[Stored data entries]
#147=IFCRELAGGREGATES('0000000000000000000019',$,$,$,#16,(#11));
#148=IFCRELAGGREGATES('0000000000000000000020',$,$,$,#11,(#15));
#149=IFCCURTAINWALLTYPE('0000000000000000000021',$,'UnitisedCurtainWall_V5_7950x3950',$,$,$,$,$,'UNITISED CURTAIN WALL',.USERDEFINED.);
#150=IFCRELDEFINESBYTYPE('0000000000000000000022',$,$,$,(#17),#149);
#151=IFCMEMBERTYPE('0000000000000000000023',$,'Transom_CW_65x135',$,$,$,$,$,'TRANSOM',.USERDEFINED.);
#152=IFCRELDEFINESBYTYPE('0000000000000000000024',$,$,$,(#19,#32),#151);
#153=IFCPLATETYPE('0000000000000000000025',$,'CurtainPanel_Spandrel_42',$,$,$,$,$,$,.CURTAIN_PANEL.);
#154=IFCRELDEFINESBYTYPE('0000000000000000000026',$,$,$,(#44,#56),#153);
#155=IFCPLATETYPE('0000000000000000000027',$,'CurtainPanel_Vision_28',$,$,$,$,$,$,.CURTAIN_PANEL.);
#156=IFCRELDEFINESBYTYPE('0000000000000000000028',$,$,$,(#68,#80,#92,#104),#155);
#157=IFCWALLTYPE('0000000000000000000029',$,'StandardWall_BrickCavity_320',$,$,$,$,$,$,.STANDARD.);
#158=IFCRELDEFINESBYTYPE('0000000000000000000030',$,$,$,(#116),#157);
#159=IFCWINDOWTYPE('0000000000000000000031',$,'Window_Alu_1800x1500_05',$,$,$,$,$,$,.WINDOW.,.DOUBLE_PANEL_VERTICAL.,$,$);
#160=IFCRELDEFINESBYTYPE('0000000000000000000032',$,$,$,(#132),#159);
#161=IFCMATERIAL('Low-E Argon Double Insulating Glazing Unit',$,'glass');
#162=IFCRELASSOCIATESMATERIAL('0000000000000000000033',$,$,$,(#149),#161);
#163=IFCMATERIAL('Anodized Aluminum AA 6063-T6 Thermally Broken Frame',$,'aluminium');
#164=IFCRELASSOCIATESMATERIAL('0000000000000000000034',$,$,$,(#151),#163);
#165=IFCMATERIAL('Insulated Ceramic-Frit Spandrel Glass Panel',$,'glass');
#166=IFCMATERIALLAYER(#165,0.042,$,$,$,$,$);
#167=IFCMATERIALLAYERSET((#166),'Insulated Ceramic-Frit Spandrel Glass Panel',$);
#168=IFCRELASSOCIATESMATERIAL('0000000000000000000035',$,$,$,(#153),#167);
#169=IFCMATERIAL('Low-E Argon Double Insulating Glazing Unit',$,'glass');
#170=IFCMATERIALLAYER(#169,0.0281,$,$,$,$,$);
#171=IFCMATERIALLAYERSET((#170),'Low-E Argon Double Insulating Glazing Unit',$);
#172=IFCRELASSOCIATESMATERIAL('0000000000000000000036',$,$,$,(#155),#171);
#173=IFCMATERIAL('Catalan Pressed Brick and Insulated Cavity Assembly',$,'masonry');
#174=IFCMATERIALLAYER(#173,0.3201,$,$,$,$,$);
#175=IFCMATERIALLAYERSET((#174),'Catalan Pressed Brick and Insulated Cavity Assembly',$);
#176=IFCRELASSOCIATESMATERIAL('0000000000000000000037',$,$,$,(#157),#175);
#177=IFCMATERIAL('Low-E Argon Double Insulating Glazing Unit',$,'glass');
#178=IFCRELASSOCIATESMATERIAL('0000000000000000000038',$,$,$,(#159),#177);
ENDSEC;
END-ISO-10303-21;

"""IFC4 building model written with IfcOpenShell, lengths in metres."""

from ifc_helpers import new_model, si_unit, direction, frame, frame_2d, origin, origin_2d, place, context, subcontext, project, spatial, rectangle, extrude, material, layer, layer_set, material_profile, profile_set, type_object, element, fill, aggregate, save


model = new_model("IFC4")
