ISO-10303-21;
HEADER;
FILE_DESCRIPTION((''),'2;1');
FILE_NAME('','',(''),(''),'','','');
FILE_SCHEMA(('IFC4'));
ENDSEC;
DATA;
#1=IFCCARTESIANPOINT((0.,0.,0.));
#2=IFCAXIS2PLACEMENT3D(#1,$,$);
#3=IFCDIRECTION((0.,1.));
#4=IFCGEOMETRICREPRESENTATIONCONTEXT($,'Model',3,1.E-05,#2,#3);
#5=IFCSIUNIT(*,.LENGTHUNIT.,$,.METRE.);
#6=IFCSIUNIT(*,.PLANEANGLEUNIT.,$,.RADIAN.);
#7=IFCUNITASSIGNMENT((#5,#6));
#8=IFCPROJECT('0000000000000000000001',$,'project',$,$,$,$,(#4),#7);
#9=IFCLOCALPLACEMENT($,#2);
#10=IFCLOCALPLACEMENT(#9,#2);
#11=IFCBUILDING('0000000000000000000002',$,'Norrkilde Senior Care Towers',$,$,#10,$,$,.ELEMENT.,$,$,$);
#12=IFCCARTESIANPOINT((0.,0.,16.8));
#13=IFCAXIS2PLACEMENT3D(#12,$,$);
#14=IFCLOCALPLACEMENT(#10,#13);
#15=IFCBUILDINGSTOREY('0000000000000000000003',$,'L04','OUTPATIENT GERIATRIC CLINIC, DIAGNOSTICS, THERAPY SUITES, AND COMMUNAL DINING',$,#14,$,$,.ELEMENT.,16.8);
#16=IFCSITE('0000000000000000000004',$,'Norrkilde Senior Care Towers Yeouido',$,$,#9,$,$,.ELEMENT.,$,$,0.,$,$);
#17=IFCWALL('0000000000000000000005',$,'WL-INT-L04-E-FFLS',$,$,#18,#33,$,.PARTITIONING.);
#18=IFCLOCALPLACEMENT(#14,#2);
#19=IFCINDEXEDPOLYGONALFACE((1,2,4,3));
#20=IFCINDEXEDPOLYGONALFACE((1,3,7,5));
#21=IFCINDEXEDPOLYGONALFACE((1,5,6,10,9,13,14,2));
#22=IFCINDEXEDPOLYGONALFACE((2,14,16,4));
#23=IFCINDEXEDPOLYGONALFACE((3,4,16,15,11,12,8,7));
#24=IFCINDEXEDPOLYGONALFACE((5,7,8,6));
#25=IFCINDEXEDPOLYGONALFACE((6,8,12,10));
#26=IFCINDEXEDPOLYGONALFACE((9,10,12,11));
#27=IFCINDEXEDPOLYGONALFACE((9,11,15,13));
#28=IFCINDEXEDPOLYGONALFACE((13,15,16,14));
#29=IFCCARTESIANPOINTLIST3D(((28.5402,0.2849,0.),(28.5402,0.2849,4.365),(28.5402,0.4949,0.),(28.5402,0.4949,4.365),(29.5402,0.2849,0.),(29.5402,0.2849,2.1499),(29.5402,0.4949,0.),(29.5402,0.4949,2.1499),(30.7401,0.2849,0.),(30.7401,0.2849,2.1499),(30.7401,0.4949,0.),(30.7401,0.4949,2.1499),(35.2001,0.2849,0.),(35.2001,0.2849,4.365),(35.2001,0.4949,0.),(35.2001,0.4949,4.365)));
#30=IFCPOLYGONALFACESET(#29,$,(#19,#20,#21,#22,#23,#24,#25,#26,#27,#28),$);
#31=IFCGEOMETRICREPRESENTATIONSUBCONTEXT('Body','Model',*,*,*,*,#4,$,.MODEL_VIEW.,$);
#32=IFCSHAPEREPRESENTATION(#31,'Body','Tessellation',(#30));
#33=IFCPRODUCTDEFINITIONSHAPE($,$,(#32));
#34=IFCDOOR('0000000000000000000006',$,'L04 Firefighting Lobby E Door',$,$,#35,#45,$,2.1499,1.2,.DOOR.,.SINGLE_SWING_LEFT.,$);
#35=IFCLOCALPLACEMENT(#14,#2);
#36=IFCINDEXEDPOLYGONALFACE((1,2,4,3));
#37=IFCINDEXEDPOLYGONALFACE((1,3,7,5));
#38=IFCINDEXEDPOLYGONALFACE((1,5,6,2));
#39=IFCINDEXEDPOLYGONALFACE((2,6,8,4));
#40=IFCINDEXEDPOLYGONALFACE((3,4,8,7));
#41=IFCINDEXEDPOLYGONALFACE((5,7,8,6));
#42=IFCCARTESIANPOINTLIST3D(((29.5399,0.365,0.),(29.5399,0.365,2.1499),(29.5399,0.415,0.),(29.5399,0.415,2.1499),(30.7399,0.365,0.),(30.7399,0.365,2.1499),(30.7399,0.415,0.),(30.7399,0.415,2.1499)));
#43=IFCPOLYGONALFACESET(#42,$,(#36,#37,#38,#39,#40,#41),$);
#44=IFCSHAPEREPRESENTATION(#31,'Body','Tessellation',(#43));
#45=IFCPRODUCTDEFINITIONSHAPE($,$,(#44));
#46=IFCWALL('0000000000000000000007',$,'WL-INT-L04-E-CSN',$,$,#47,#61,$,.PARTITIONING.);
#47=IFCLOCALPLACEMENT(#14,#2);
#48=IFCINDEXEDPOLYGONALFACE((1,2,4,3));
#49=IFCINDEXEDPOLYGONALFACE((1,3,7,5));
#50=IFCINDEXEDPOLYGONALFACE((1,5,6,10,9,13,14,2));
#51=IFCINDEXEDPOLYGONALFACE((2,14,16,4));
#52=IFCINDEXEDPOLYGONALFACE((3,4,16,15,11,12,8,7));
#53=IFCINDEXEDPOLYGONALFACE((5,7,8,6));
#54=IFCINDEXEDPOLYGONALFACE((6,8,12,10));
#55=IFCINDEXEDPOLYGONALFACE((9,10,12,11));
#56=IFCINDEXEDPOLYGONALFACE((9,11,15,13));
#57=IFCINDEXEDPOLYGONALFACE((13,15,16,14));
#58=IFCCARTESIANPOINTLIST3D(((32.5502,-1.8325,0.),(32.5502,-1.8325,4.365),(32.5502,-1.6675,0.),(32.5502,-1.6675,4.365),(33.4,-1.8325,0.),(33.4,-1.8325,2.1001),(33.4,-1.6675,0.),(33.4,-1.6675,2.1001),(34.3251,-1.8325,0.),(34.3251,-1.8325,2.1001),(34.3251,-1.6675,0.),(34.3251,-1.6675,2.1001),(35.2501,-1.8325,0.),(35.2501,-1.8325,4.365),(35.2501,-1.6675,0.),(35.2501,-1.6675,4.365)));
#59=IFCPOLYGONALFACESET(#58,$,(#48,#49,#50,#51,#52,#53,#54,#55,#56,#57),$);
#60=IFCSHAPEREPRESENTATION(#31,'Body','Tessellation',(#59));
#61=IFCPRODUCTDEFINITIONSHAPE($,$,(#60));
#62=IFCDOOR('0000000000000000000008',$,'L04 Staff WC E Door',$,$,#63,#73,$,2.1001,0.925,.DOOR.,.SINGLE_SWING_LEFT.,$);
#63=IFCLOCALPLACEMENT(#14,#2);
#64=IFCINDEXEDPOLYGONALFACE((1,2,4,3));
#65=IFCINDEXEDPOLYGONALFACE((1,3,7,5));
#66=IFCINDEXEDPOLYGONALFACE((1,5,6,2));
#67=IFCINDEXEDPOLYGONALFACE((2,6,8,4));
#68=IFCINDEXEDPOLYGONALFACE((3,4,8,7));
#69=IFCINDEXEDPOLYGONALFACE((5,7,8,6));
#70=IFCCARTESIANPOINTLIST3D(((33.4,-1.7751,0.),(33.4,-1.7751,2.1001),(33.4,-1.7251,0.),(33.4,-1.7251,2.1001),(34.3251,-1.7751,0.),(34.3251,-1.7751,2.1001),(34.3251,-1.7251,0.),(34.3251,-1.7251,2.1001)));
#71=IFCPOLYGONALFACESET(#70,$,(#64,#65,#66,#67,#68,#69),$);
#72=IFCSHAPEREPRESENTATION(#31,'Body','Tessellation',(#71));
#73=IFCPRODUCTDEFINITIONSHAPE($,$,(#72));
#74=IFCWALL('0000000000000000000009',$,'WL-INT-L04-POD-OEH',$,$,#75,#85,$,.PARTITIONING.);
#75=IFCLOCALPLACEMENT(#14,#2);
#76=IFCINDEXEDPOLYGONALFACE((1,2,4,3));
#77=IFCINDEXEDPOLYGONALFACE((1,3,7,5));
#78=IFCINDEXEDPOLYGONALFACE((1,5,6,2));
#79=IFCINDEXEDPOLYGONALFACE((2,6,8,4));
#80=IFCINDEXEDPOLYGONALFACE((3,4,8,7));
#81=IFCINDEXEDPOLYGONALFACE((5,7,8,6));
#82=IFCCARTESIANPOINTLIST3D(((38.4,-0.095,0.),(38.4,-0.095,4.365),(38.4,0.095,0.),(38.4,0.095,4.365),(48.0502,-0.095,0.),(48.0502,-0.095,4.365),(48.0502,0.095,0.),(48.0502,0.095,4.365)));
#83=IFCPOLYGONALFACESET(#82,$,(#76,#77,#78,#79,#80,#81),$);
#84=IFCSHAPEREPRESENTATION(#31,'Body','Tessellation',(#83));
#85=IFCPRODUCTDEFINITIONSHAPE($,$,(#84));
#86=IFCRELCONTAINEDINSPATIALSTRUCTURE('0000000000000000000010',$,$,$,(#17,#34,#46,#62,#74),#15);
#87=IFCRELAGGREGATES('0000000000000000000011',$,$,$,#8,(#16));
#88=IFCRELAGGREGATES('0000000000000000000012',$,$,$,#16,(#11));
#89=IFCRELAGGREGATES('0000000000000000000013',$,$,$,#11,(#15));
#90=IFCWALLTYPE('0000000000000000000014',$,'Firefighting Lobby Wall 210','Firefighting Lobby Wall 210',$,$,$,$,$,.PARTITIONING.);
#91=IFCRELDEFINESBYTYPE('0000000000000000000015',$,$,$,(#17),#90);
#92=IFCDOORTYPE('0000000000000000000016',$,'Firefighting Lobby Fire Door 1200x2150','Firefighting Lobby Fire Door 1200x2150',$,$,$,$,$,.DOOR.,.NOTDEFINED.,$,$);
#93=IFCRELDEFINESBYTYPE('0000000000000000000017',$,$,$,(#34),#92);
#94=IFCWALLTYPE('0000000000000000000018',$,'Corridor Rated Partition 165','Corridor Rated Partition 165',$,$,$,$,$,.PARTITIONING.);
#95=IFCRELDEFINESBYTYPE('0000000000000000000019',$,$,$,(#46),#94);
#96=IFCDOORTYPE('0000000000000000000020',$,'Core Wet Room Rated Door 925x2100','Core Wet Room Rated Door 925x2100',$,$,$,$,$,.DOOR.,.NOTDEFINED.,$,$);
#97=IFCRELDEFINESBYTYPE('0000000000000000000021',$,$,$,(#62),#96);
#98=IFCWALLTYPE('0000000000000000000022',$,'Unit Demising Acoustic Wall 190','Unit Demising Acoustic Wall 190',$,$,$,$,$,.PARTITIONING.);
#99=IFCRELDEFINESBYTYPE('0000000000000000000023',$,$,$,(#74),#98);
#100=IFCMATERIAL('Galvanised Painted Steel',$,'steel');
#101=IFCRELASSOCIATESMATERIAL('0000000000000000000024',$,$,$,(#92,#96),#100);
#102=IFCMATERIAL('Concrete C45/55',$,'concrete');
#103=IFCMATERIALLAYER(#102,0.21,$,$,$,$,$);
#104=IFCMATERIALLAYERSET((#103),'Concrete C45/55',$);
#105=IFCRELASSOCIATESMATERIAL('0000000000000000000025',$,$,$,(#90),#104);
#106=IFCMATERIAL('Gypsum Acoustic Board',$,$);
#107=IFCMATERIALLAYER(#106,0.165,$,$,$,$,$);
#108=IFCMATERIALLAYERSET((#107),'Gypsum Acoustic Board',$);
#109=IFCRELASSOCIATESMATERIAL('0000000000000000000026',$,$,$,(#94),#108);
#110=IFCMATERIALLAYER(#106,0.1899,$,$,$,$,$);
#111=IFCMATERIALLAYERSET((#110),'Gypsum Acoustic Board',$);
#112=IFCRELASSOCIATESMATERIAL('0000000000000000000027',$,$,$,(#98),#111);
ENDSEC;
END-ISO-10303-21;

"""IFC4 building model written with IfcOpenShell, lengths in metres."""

from ifc_helpers import new_model, si_unit, direction, frame, frame_2d, origin, place, context, subcontext, project, spatial, rectangle, extrude, source, transform, mapped, material, layer, layer_set, type_object, type_shapes, element, fill, save


model = new_model("IFC4")

# Units and contexts
model_context = context("Model", 3, precision=1e-05, world=origin(), true_north=direction((0.0, 1.0)))
body_context = subcontext(model_context, "Body", "Model", "MODEL_VIEW")
ifc_project = project(units=[si_unit("LENGTHUNIT", "METRE"), si_unit("PLANEANGLEUNIT", "RADIAN")], contexts=[model_context])

# Site, building, storey
site_placement = place(None, origin())
site = spatial("IfcSite", under=ifc_project, at=site_placement, Name="Norrkilde Senior Care Towers Yeouido", CompositionType="ELEMENT", RefElevation=0.0)
building_placement = place(site_placement, origin())
building = spatial("IfcBuilding", under=site, at=building_placement, Name="Norrkilde Senior Care Towers", CompositionType="ELEMENT")
storey_placement = place(building_placement, frame((0.0, 0.0, 16.8)))
storey = spatial("IfcBuildingStorey", under=building, at=storey_placement, Name="L04", Description="OUTPATIENT GERIATRIC CLINIC, DIAGNOSTICS, THERAPY SUITES, AND COMMUNAL DINING", CompositionType="ELEMENT", Elevation=16.8)

# Shared definitions
ifc_material_1 = material(Name="Galvanised Painted Steel", Category="steel")
door_type_1 = type_object("IfcDoorType", Name="Firefighting Lobby Fire Door 1200x2150", Description="Firefighting Lobby Fire Door 1200x2150", OperationType="NOTDEFINED", PredefinedType="DOOR", material=ifc_material_1)
shared_shape_1 = source(origin(), body_context, "Body", "SweptSolid", [
    extrude(rectangle(XDim=1.2, YDim=2.1499, at=frame_2d((0.6001, 1.075))), frame((0.0, 0.0249, 0.0), z_axis=(0.0, -1.0, 0.0), x_axis=(1.0, 0.0, 0.0)), (0.0, 0.0, 1.0), 0.05),
])
type_shapes(door_type_1, [shared_shape_1])

# Shared definitions
ifc_material_2 = material(Name="Concrete C45/55", Category="concrete")

# Walls, openings, doors
ifc_layer_1 = layer(ifc_material_2, 0.21)
ifc_layer_set_1 = layer_set([ifc_layer_1], Name="Concrete C45/55")
wall_type_1 = type_object("IfcWallType", Name="Firefighting Lobby Wall 210", Description="Firefighting Lobby Wall 210", PredefinedType="PARTITIONING", material=ifc_layer_set_1)
shared_shape_2 = source(origin(), body_context, "Body", "SweptSolid", [
    extrude(rectangle(XDim=6.6599, YDim=0.21, at=frame_2d((3.3301, 0.0))), origin(), (0.0, 0.0, 1.0), 4.365),
])
type_shapes(wall_type_1, [shared_shape_2])
wall_1_placement = place(storey_placement, frame((28.54, 0.3899, 0.0), z_axis=(0.0, 0.0, 1.0), x_axis=(1.0, 0.0, 0.0)))
wall_1 = element("IfcWall", 1, at=wall_1_placement, inside=storey, type_object=wall_type_1, Name="WL-INT-L04-E-FFLS", PredefinedType="PARTITIONING", context=body_context, shape_type="MappedRepresentation", body=[
    mapped(shared_shape_2, transform((0.0, 0.0, 0.0), x_axis=(1.0, 0.0, 0.0), y_axis=(0.0, 1.0, 0.0), z_axis=(0.0, 0.0, 1.0), scale=1.0)),
])
opening_1_placement = place(wall_1_placement, frame((1.0, 0.0, 0.0)))
opening_1 = element("IfcOpeningElement", 2, at=opening_1_placement, cuts=wall_1, PredefinedType="OPENING", context=body_context, shape_type="SweptSolid", body=[
    extrude(rectangle(XDim=1.2, YDim=2.1499, at=frame_2d((0.6001, 1.075))), frame((0.0, 0.115, 0.0), z_axis=(0.0, -1.0, 0.0), x_axis=(1.0, 0.0, 0.0)), (0.0, 0.0, 1.0), 0.23),
])
door_1_placement = place(opening_1_placement, frame((1.2, 0.0, 0.0), z_axis=(0.0, 0.0, 1.0), x_axis=(-1.0, 0.0, 0.0)))
door_1 = element("IfcDoor", 3, at=door_1_placement, inside=storey, type_object=door_type_1, Name="L04 Firefighting Lobby E Door", OperationType="SINGLE_SWING_LEFT", OverallHeight=2.1499, OverallWidth=1.2, PredefinedType="DOOR", context=body_context, shape_type="MappedRepresentation", body=[
    mapped(shared_shape_1, transform((0.0, 0.0, 0.0), x_axis=(1.0, 0.0, 0.0), y_axis=(0.0, 1.0, 0.0), z_axis=(0.0, 0.0, 1.0), scale=1.0)),
])
fill(opening_1, door_1)
ifc_material_3 = material(Name="Gypsum Acoustic Board")
ifc_layer_2 = layer(ifc_material_3, 0.165)
ifc_layer_set_2 = layer_set([ifc_layer_2], Name="Gypsum Acoustic Board")
wall_type_2 = type_object("IfcWallType", Name="Corridor Rated Partition 165", Description="Corridor Rated Partition 165", PredefinedType="PARTITIONING", material=ifc_layer_set_2)
shared_shape_3 = source(origin(), body_context, "Body", "SweptSolid", [
    extrude(rectangle(XDim=2.7, YDim=0.165, at=frame_2d((1.3501, 0.0))), origin(), (0.0, 0.0, 1.0), 4.365),
])
type_shapes(wall_type_2, [shared_shape_3])
wall_2_placement = place(storey_placement, frame((32.55, -1.75, 0.0), z_axis=(0.0, 0.0, 1.0), x_axis=(1.0, 0.0, 0.0)))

* _Work to complete_
In the data above, count the lines where the word "Glazing" appears; reply with the number only.

* _Output_
4